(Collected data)
□ □ □ □ □

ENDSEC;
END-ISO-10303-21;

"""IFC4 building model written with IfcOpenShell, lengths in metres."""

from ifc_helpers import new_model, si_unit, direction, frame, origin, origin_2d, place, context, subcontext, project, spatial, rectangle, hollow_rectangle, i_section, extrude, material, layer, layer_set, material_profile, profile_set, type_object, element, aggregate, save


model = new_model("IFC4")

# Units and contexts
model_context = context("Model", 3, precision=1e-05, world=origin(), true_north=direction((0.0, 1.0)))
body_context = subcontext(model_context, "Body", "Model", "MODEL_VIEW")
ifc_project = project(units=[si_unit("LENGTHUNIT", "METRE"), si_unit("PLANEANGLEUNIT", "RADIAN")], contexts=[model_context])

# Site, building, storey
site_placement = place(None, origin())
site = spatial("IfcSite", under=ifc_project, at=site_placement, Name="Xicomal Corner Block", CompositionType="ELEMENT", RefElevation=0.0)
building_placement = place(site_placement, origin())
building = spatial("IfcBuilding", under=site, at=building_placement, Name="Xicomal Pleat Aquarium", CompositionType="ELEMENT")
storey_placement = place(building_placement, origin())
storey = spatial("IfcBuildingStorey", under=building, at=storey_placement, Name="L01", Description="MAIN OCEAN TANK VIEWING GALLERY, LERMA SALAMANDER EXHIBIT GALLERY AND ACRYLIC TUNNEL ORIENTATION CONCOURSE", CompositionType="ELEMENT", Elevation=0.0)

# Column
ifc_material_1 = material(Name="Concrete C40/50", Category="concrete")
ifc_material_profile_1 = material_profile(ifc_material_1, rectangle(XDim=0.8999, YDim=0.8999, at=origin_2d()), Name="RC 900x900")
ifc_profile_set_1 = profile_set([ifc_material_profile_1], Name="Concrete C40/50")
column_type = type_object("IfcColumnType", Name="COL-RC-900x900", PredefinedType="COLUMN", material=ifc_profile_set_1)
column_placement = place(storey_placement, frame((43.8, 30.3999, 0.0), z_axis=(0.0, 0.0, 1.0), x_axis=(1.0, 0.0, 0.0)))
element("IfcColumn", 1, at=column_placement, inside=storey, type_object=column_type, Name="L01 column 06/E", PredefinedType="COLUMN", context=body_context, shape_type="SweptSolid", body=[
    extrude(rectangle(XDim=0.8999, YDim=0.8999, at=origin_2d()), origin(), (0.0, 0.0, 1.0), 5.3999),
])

□ □ □ □ □

**Exercise requirements:** All that belongs in your answer is the stretch of entries above from the line with "# Units and contexts" through the line with "site_placement = place(None, origin())", printed exactly.

**Exercise output:**
# Units and contexts
model_context = context("Model", 3, precision=1e-05, world=origin(), true_north=direction((0.0, 1.0)))
body_context = subcontext(model_context, "Body", "Model", "MODEL_VIEW")
ifc_project = project(units=[si_unit("LENGTHUNIT", "METRE"), si_unit("PLANEANGLEUNIT", "RADIAN")], contexts=[model_context])

# Site, building, storey
site_placement = place(None, origin())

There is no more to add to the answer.